WHAT YOU HAVE TO DO: Go through the data below and count every line that has the word "primary". Return only the count.

____________________

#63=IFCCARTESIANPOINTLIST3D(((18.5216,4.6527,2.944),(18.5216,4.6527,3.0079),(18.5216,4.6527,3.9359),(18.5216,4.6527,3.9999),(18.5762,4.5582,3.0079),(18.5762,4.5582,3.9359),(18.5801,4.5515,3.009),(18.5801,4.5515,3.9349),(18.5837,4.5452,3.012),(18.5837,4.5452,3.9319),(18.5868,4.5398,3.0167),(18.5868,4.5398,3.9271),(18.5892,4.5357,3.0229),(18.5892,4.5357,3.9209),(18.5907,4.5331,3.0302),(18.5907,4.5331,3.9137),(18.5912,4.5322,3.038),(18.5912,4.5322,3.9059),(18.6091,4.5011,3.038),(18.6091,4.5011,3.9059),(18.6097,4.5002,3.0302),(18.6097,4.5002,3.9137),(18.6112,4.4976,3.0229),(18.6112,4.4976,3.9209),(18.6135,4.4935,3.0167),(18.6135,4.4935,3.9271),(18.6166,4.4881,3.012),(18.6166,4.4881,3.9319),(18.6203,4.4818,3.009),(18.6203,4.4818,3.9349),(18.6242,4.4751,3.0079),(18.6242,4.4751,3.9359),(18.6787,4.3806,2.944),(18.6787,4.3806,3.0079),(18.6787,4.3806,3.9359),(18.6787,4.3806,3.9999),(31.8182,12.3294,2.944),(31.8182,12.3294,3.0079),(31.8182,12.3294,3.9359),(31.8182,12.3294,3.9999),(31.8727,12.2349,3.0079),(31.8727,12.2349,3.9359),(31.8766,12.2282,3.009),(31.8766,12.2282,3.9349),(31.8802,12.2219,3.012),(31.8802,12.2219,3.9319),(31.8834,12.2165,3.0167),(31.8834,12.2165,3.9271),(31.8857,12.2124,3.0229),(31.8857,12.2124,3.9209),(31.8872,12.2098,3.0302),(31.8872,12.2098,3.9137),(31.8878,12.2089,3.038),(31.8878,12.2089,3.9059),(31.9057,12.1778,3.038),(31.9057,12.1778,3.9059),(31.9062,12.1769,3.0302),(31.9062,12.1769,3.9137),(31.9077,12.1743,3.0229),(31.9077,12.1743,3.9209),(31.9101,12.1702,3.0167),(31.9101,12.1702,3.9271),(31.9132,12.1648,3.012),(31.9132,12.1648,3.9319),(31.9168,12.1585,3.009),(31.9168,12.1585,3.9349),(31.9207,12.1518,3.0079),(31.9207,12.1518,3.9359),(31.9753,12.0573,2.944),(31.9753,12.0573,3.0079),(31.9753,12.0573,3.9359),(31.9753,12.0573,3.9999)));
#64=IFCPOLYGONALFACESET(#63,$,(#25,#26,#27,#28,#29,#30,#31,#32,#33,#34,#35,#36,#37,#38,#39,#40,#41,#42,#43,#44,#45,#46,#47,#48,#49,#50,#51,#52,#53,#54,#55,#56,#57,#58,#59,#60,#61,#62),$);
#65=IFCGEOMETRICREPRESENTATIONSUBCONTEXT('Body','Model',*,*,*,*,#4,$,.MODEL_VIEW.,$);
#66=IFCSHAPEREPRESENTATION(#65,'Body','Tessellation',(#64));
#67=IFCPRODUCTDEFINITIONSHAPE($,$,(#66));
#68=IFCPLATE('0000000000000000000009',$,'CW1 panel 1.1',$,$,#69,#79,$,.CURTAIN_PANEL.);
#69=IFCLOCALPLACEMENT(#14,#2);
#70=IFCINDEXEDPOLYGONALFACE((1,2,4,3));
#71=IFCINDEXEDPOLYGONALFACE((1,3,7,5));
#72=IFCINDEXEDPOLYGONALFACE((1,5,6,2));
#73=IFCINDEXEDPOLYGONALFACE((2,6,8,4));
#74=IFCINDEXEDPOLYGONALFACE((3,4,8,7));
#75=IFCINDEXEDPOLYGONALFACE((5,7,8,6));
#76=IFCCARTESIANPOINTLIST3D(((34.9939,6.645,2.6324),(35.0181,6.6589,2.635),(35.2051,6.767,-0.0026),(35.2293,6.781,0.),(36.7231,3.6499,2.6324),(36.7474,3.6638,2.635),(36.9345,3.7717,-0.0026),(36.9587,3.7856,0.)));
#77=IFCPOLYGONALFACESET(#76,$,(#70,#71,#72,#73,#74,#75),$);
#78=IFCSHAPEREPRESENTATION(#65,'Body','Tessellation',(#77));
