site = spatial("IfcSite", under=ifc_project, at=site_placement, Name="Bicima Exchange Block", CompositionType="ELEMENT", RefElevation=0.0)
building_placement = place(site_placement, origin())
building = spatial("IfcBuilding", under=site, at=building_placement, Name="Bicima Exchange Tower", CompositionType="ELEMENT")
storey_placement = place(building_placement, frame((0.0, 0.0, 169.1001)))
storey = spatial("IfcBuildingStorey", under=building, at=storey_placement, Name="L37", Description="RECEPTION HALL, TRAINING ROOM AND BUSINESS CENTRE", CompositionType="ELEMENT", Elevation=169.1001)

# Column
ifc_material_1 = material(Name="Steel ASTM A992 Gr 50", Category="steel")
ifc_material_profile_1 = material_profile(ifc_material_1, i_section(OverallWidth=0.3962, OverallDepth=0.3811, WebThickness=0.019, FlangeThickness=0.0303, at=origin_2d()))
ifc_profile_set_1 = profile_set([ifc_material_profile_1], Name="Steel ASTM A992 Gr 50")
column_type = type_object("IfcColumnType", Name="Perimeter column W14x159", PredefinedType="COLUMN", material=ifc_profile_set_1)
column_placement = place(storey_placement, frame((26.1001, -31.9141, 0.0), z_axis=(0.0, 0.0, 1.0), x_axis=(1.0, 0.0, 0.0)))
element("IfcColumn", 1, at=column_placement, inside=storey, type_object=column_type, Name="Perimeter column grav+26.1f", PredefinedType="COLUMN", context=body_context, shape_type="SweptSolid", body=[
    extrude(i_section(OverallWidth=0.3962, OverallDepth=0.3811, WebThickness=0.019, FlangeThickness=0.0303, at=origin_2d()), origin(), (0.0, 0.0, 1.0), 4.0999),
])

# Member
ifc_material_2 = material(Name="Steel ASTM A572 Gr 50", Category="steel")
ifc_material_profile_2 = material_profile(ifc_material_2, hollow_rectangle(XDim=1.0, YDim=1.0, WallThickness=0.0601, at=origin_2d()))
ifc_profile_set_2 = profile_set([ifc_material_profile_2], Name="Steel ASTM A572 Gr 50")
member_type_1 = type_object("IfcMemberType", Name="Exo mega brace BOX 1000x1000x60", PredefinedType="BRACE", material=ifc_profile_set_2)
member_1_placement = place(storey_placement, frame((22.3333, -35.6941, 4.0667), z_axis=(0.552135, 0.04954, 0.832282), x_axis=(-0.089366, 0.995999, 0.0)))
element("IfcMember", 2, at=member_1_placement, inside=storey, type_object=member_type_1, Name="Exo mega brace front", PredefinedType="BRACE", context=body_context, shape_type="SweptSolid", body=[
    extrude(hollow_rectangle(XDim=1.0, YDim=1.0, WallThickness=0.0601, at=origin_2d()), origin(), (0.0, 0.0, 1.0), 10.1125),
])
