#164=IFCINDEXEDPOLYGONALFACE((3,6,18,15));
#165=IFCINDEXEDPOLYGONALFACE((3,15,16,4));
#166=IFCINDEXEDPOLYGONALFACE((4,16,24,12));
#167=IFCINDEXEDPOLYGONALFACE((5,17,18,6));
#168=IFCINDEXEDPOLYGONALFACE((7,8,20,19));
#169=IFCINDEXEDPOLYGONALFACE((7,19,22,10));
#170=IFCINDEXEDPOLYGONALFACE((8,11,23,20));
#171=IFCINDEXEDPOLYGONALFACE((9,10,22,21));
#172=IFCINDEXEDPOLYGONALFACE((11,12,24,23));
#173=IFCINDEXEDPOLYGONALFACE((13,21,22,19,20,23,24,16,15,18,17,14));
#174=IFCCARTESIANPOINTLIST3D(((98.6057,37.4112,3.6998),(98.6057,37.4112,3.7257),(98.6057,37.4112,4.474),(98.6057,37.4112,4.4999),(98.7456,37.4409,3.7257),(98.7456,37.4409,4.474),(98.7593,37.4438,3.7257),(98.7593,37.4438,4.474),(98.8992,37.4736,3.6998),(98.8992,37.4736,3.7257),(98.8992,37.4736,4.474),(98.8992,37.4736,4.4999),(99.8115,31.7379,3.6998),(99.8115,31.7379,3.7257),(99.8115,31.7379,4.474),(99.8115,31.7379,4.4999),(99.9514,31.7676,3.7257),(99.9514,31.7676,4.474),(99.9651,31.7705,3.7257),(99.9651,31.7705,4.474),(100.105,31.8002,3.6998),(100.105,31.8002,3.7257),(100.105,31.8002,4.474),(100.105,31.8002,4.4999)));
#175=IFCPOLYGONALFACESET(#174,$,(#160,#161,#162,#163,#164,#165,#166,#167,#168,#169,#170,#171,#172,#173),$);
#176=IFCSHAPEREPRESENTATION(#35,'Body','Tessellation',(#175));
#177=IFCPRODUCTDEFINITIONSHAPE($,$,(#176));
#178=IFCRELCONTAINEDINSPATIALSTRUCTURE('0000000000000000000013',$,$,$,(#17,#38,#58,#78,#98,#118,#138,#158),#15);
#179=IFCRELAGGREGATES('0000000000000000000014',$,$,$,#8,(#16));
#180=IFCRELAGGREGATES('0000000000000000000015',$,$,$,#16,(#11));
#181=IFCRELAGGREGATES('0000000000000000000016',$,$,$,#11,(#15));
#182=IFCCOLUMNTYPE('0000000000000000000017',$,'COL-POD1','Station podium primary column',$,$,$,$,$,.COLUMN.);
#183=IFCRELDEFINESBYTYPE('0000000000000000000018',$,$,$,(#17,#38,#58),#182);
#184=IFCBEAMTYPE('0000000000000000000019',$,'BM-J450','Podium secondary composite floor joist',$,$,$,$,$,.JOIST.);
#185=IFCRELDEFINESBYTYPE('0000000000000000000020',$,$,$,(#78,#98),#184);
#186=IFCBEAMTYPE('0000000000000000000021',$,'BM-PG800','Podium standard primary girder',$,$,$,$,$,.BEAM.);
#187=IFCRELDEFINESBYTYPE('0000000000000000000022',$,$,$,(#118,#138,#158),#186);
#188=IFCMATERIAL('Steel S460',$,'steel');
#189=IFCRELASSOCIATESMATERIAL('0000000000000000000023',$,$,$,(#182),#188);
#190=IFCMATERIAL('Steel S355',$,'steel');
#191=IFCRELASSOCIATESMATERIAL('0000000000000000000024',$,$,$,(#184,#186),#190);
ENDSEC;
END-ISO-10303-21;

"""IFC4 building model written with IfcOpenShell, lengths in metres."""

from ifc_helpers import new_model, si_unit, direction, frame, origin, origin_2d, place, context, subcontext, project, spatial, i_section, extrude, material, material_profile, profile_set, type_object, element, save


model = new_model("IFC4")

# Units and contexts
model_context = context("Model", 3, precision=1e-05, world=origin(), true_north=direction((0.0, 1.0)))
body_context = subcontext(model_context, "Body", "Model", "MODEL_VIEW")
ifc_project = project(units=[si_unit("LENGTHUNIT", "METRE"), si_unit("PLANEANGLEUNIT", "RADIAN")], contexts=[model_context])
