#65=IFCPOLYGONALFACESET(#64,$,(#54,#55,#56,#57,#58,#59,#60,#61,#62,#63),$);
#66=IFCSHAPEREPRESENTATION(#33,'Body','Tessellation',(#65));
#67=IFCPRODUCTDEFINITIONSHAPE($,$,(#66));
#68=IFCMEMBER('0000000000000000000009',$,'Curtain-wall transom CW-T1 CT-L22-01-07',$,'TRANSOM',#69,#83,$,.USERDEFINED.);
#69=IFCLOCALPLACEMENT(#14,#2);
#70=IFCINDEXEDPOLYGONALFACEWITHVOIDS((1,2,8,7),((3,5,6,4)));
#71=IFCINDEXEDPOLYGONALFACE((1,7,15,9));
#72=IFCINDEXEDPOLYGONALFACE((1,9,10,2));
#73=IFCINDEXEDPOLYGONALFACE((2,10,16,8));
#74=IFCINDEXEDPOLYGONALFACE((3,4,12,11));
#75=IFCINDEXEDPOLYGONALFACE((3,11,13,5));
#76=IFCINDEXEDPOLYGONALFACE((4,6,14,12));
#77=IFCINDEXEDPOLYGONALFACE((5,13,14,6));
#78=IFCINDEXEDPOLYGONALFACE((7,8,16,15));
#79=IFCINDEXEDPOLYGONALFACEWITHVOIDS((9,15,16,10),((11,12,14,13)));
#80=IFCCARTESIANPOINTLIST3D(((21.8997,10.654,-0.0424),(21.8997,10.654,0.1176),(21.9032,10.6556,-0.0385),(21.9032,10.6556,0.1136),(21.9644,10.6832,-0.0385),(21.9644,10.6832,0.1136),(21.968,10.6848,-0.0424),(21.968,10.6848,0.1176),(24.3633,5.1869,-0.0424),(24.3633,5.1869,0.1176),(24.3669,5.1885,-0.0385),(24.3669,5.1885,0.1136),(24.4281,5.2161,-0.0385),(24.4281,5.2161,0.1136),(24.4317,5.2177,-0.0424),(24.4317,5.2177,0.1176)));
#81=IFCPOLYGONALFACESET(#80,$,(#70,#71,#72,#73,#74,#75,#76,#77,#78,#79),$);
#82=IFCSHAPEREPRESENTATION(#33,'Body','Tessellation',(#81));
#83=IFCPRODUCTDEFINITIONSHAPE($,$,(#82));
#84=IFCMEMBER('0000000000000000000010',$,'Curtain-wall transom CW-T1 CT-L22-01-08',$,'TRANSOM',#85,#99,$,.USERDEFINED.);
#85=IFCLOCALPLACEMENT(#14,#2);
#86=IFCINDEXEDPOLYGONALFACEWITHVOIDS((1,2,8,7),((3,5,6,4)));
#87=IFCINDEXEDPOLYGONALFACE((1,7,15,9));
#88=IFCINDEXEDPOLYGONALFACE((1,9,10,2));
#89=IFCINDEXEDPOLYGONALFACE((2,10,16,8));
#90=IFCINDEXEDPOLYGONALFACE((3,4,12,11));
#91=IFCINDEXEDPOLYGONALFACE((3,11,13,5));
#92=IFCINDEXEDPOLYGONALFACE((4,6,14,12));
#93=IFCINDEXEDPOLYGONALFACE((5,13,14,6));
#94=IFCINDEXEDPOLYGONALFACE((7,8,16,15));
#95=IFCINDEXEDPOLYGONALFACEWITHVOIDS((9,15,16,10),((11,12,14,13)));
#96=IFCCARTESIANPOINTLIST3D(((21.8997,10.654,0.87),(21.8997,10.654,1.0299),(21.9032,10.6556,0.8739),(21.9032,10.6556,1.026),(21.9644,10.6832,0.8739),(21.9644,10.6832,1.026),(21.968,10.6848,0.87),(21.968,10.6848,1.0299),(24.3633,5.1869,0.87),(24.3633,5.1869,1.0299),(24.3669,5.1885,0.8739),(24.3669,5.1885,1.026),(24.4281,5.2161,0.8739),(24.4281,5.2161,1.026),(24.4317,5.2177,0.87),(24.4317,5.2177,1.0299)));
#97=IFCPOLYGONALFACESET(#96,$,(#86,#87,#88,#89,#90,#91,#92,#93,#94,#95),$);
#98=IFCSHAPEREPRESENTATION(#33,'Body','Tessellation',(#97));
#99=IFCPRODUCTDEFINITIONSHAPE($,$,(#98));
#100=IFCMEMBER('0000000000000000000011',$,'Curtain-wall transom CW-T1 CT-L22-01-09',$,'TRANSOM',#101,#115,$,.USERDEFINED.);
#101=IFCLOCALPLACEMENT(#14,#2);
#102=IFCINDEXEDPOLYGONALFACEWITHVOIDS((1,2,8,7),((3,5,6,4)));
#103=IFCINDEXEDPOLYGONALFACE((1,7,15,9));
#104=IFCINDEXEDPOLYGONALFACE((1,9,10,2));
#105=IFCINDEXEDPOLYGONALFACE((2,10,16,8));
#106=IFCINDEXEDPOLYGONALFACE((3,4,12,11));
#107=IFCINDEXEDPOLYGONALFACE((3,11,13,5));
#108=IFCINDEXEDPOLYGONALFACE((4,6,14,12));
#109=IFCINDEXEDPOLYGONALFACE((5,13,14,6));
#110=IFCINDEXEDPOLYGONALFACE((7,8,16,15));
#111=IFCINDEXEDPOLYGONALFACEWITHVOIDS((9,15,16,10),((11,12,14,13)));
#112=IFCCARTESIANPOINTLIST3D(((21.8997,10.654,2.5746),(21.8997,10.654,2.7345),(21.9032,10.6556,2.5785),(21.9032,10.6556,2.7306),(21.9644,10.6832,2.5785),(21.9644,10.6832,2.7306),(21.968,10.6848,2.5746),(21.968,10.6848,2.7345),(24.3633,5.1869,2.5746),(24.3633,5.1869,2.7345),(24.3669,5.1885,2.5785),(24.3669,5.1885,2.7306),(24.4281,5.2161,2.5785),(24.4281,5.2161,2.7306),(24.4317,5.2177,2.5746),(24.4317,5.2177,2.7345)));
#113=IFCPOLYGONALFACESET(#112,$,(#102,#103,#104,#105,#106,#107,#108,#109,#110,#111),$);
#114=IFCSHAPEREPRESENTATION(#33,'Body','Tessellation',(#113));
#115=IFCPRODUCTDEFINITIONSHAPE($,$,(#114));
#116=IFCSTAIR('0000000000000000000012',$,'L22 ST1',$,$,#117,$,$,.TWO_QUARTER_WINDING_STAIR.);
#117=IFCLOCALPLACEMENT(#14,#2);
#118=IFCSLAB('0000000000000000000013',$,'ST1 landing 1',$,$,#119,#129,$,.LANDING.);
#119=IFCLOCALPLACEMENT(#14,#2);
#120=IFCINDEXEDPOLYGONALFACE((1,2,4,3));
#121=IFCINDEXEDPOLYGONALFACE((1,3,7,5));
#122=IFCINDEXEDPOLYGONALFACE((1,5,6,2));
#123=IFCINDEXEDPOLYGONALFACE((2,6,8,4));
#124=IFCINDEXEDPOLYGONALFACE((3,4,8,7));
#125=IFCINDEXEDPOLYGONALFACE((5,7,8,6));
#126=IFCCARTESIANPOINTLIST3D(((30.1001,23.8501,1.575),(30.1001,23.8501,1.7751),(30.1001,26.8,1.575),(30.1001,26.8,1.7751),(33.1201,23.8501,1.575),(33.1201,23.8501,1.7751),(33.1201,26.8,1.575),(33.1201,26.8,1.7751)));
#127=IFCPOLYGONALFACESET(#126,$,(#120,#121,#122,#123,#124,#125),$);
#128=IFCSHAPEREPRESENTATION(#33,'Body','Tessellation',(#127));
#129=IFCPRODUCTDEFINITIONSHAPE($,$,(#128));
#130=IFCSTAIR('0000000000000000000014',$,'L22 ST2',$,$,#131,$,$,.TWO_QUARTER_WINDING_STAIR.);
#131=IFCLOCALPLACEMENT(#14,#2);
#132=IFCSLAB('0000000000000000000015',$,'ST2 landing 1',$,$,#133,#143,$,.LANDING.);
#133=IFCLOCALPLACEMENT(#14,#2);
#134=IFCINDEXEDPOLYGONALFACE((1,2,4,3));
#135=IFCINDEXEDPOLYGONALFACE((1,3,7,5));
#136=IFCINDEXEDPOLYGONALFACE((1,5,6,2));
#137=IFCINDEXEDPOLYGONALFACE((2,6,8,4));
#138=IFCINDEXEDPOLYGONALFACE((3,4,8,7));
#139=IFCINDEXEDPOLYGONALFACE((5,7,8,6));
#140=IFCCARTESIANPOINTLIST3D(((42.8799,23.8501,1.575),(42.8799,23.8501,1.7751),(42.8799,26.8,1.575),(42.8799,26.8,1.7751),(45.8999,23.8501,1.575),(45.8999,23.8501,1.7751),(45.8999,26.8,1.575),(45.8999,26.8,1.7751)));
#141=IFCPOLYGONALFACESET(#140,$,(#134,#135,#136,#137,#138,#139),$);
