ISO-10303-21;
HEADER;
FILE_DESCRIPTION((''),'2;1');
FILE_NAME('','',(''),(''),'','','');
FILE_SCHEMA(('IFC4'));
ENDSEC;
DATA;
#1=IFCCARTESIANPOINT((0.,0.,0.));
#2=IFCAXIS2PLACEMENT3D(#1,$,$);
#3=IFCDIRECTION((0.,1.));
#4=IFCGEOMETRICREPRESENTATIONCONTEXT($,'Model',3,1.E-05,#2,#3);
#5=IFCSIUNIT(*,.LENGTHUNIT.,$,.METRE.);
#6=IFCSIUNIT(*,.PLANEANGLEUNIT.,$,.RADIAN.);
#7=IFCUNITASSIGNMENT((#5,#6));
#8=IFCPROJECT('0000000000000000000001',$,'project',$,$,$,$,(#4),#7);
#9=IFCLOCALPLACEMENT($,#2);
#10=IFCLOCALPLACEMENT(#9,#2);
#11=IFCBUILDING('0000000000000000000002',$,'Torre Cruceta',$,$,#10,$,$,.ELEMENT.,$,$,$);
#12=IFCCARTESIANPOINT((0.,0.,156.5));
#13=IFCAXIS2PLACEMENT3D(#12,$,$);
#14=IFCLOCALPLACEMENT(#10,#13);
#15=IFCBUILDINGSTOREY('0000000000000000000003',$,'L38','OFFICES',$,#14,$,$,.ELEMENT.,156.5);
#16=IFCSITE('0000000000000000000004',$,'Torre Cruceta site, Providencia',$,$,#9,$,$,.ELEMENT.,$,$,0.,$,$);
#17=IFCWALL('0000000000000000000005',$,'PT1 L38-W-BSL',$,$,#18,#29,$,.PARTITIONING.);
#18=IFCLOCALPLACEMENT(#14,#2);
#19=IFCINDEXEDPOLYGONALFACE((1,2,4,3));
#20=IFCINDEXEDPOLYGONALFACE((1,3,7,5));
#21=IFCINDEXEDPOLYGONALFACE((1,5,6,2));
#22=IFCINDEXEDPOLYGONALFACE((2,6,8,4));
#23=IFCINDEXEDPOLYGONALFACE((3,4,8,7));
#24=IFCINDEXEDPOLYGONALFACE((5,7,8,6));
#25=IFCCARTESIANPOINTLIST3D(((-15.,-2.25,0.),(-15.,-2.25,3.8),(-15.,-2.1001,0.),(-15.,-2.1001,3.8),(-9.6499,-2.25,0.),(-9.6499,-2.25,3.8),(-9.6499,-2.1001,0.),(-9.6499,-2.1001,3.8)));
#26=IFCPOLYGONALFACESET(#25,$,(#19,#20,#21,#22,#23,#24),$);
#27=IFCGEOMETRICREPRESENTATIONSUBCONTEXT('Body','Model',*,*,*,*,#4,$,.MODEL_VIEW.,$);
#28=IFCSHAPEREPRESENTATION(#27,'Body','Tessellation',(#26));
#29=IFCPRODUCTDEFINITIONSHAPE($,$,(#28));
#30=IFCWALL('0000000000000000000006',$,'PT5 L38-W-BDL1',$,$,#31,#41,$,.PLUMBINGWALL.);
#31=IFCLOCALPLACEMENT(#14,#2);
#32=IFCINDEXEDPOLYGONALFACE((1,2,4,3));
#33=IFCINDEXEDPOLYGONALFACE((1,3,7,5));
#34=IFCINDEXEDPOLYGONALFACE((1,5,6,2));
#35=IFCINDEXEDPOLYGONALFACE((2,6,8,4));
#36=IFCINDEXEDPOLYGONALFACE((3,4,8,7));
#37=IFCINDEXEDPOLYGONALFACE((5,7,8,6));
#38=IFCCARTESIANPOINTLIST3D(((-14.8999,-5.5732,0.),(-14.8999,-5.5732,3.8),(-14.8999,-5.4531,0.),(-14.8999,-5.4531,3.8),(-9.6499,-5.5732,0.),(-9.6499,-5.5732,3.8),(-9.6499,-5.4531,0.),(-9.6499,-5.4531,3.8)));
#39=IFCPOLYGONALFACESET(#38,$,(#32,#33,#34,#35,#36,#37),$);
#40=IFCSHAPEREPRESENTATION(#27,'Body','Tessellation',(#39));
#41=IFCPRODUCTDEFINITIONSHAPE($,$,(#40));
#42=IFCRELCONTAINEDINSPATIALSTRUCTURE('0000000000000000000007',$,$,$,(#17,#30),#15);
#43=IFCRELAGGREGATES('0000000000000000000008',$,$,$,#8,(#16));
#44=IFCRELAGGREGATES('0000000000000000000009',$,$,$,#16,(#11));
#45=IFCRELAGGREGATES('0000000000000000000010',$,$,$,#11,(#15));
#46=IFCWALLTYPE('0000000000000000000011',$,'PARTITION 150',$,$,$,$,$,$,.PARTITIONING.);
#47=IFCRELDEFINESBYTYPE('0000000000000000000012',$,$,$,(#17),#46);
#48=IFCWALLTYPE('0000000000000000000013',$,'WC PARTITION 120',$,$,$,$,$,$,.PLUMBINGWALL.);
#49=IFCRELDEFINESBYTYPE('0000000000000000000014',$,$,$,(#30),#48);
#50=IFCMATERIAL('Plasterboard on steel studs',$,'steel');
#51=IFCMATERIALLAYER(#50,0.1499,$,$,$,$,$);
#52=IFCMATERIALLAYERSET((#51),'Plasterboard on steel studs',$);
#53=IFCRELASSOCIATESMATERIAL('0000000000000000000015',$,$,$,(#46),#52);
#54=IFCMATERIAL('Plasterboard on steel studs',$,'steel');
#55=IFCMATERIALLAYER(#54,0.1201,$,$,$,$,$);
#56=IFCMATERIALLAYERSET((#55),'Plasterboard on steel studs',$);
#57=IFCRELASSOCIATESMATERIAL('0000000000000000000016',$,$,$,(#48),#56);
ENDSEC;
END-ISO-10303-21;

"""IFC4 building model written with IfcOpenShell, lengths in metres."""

from ifc_helpers import new_model, si_unit, direction, frame, frame_2d, origin, place, context, subcontext, project, spatial, rectangle, extrude, material, layer, layer_set, type_object, element, save


model = new_model("IFC4")

# Units and contexts
model_context = context("Model", 3, precision=1e-05, world=origin(), true_north=direction((0.0, 1.0)))
body_context = subcontext(model_context, "Body", "Model", "MODEL_VIEW")
ifc_project = project(units=[si_unit("LENGTHUNIT", "METRE"), si_unit("PLANEANGLEUNIT", "RADIAN")], contexts=[model_context])

# Site, building, storey
site_placement = place(None, origin())
site = spatial("IfcSite", under=ifc_project, at=site_placement, Name="Torre Cruceta site, Providencia", CompositionType="ELEMENT", RefElevation=0.0)
building_placement = place(site_placement, origin())
building = spatial("IfcBuilding", under=site, at=building_placement, Name="Torre Cruceta", CompositionType="ELEMENT")
storey_placement = place(building_placement, frame((0.0, 0.0, 156.5)))
storey = spatial("IfcBuildingStorey", under=building, at=storey_placement, Name="L38", Description="OFFICES", CompositionType="ELEMENT", Elevation=156.5)

# Shared definitions
ifc_material_1 = material(Name="Plasterboard on steel studs", Category="steel")
ifc_layer_1 = layer(ifc_material_1, 0.1499)
ifc_layer_set_1 = layer_set([ifc_layer_1], Name="Plasterboard on steel studs")
wall_type_1 = type_object("IfcWallType", Name="PARTITION 150", PredefinedType="PARTITIONING", material=ifc_layer_set_1)

# Walls
wall_1_placement = place(storey_placement, frame((-9.6499, -2.175, 0.0), z_axis=(0.0, 0.0, 1.0), x_axis=(-1.0, 0.0, 0.0)))
element("IfcWall", 1, at=wall_1_placement, inside=storey, type_object=wall_type_1, Name="PT1 L38-W-BSL", PredefinedType="PARTITIONING", context=body_context, shape_type="SweptSolid", body=[
    extrude(rectangle(XDim=5.3501, YDim=0.1499, at=frame_2d((2.675, 0.0))), origin(), (0.0, 0.0, 1.0), 3.8),
])
ifc_material_2 = material(Name="Plasterboard on steel studs", Category="steel")
ifc_layer_2 = layer(ifc_material_2, 0.1201)
ifc_layer_set_2 = layer_set([ifc_layer_2], Name="Plasterboard on steel studs")
wall_type_2 = type_object("IfcWallType", Name="WC PARTITION 120", PredefinedType="PLUMBINGWALL", material=ifc_layer_set_2)
wall_2_placement = place(storey_placement, frame((-9.6499, -5.5132, 0.0), z_axis=(0.0, 0.0, 1.0), x_axis=(-1.0, 0.0, 0.0)))
element("IfcWall", 2, at=wall_2_placement, inside=storey, type_object=wall_type_2, Name="PT5 L38-W-BDL1", PredefinedType="PLUMBINGWALL", context=body_context, shape_type="SweptSolid", body=[
    extrude(rectangle(XDim=5.25, YDim=0.1201, at=frame_2d((2.625, 0.0))), origin(), (0.0, 0.0, 1.0), 3.8),
])

save(model, "model.ifc")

____________________

REPLY TO THE EXERCISE: 2